- **Exercise aim**
Copy out all the entries below, word for word.

Dataset items
-.-.-
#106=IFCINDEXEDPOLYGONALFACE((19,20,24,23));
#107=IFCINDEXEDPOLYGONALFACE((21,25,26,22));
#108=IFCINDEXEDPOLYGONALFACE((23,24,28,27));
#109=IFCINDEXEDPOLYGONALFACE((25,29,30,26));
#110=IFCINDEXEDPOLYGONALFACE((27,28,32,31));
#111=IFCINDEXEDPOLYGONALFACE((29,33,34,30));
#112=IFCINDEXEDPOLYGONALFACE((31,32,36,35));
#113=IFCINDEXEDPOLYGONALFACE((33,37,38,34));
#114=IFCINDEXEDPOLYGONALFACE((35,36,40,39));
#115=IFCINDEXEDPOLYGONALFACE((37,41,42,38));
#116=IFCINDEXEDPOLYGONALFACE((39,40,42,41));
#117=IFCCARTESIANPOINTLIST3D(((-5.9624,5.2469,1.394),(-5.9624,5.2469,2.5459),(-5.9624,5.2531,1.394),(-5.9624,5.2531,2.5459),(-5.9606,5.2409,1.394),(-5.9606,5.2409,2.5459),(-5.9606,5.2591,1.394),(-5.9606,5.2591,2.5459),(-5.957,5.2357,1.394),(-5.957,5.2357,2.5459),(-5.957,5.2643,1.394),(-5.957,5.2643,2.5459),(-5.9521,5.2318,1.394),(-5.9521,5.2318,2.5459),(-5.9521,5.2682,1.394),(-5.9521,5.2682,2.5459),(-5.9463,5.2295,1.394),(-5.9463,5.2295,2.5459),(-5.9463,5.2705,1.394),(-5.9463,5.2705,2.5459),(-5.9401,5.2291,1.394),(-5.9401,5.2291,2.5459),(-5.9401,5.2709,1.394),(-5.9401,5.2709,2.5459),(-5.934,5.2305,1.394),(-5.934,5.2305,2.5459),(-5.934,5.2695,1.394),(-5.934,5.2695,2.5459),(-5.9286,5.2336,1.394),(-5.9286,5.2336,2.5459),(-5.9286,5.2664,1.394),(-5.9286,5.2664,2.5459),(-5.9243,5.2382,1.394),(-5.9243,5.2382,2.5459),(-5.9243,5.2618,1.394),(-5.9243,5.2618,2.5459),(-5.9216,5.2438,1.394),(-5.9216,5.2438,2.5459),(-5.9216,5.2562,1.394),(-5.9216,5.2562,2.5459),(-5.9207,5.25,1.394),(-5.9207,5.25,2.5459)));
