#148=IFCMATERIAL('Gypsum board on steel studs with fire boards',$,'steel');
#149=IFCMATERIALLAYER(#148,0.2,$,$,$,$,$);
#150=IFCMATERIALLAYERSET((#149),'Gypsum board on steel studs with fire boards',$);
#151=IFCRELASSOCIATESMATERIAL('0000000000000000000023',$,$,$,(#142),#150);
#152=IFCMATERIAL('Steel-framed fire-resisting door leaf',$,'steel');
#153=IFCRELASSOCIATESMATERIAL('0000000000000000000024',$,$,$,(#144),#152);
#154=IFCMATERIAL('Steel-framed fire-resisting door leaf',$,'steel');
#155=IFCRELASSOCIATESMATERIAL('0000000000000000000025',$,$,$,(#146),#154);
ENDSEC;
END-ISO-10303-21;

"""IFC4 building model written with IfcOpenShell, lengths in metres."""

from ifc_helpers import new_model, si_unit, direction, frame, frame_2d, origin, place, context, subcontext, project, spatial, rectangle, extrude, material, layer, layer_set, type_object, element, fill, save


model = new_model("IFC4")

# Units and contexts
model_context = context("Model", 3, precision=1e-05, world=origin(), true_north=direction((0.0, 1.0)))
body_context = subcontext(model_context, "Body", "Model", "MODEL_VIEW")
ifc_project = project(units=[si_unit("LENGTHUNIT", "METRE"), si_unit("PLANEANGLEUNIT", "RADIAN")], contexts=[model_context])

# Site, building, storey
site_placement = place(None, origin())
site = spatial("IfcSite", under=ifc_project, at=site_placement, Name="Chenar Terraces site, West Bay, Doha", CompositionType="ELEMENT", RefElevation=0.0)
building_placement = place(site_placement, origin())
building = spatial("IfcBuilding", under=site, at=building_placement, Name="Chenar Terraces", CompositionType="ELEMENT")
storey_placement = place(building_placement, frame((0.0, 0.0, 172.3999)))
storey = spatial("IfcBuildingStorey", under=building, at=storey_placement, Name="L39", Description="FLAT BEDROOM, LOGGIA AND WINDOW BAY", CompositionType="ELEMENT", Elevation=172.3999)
-.-.-
- **Exercise output**
#106=IFCINDEXEDPOLYGONALFACE((19,20,24,23));
#107=IFCINDEXEDPOLYGONALFACE((21,25,26,22));
#108=IFCINDEXEDPOLYGONALFACE((23,24,28,27));
#109=IFCINDEXEDPOLYGONALFACE((25,29,30,26));
#110=IFCINDEXEDPOLYGONALFACE((27,28,32,31));
#111=IFCINDEXEDPOLYGONALFACE((29,33,34,30));
#112=IFCINDEXEDPOLYGONALFACE((31,32,36,35));
#113=IFCINDEXEDPOLYGONALFACE((33,37,38,34));
#114=IFCINDEXEDPOLYGONALFACE((35,36,40,39));
#115=IFCINDEXEDPOLYGONALFACE((37,41,42,38));
#116=IFCINDEXEDPOLYGONALFACE((39,40,42,41));
#117=IFCCARTESIANPOINTLIST3D(((-5.9624,5.2469,1.394),(-5.9624,5.2469,2.5459),(-5.9624,5.2531,1.394),(-5.9624,5.2531,2.5459),(-5.9606,5.2409,1.394),(-5.9606,5.2409,2.5459),(-5.9606,5.2591,1.394),(-5.9606,5.2591,2.5459),(-5.957,5.2357,1.394),(-5.957,5.2357,2.5459),(-5.957,5.2643,1.394),(-5.957,5.2643,2.5459),(-5.9521,5.2318,1.394),(-5.9521,5.2318,2.5459),(-5.9521,5.2682,1.394),(-5.9521,5.2682,2.5459),(-5.9463,5.2295,1.394),(-5.9463,5.2295,2.5459),(-5.9463,5.2705,1.394),(-5.9463,5.2705,2.5459),(-5.9401,5.2291,1.394),(-5.9401,5.2291,2.5459),(-5.9401,5.2709,1.394),(-5.9401,5.2709,2.5459),(-5.934,5.2305,1.394),(-5.934,5.2305,2.5459),(-5.934,5.2695,1.394),(-5.934,5.2695,2.5459),(-5.9286,5.2336,1.394),(-5.9286,5.2336,2.5459),(-5.9286,5.2664,1.394),(-5.9286,5.2664,2.5459),(-5.9243,5.2382,1.394),(-5.9243,5.2382,2.5459),(-5.9243,5.2618,1.394),(-5.9243,5.2618,2.5459),(-5.9216,5.2438,1.394),(-5.9216,5.2438,2.5459),(-5.9216,5.2562,1.394),(-5.9216,5.2562,2.5459),(-5.9207,5.25,1.394),(-5.9207,5.25,2.5459)));
#148=IFCMATERIAL('Gypsum board on steel studs with fire boards',$,'steel');
#149=IFCMATERIALLAYER(#148,0.2,$,$,$,$,$);
#150=IFCMATERIALLAYERSET((#149),'Gypsum board on steel studs with fire boards',$);
#151=IFCRELASSOCIATESMATERIAL('0000000000000000000023',$,$,$,(#142),#150);
#152=IFCMATERIAL('Steel-framed fire-resisting door leaf',$,'steel');
#153=IFCRELASSOCIATESMATERIAL('0000000000000000000024',$,$,$,(#144),#152);
#154=IFCMATERIAL('Steel-framed fire-resisting door leaf',$,'steel');
#155=IFCRELASSOCIATESMATERIAL('0000000000000000000025',$,$,$,(#146),#154);
ENDSEC;
END-ISO-10303-21;

"""IFC4 building model written with IfcOpenShell, lengths in metres."""

from ifc_helpers import new_model, si_unit, direction, frame, frame_2d, origin, place, context, subcontext, project, spatial, rectangle, extrude, material, layer, layer_set, type_object, element, fill, save


model = new_model("IFC4")

# Units and contexts
model_context = context("Model", 3, precision=1e-05, world=origin(), true_north=direction((0.0, 1.0)))
body_context = subcontext(model_context, "Body", "Model", "MODEL_VIEW")
ifc_project = project(units=[si_unit("LENGTHUNIT", "METRE"), si_unit("PLANEANGLEUNIT", "RADIAN")], contexts=[model_context])

# Site, building, storey
site_placement = place(None, origin())
site = spatial("IfcSite", under=ifc_project, at=site_placement, Name="Chenar Terraces site, West Bay, Doha", CompositionType="ELEMENT", RefElevation=0.0)
building_placement = place(site_placement, origin())
building = spatial("IfcBuilding", under=site, at=building_placement, Name="Chenar Terraces", CompositionType="ELEMENT")
storey_placement = place(building_placement, frame((0.0, 0.0, 172.3999)))
storey = spatial("IfcBuildingStorey", under=building, at=storey_placement, Name="L39", Description="FLAT BEDROOM, LOGGIA AND WINDOW BAY", CompositionType="ELEMENT", Elevation=172.3999)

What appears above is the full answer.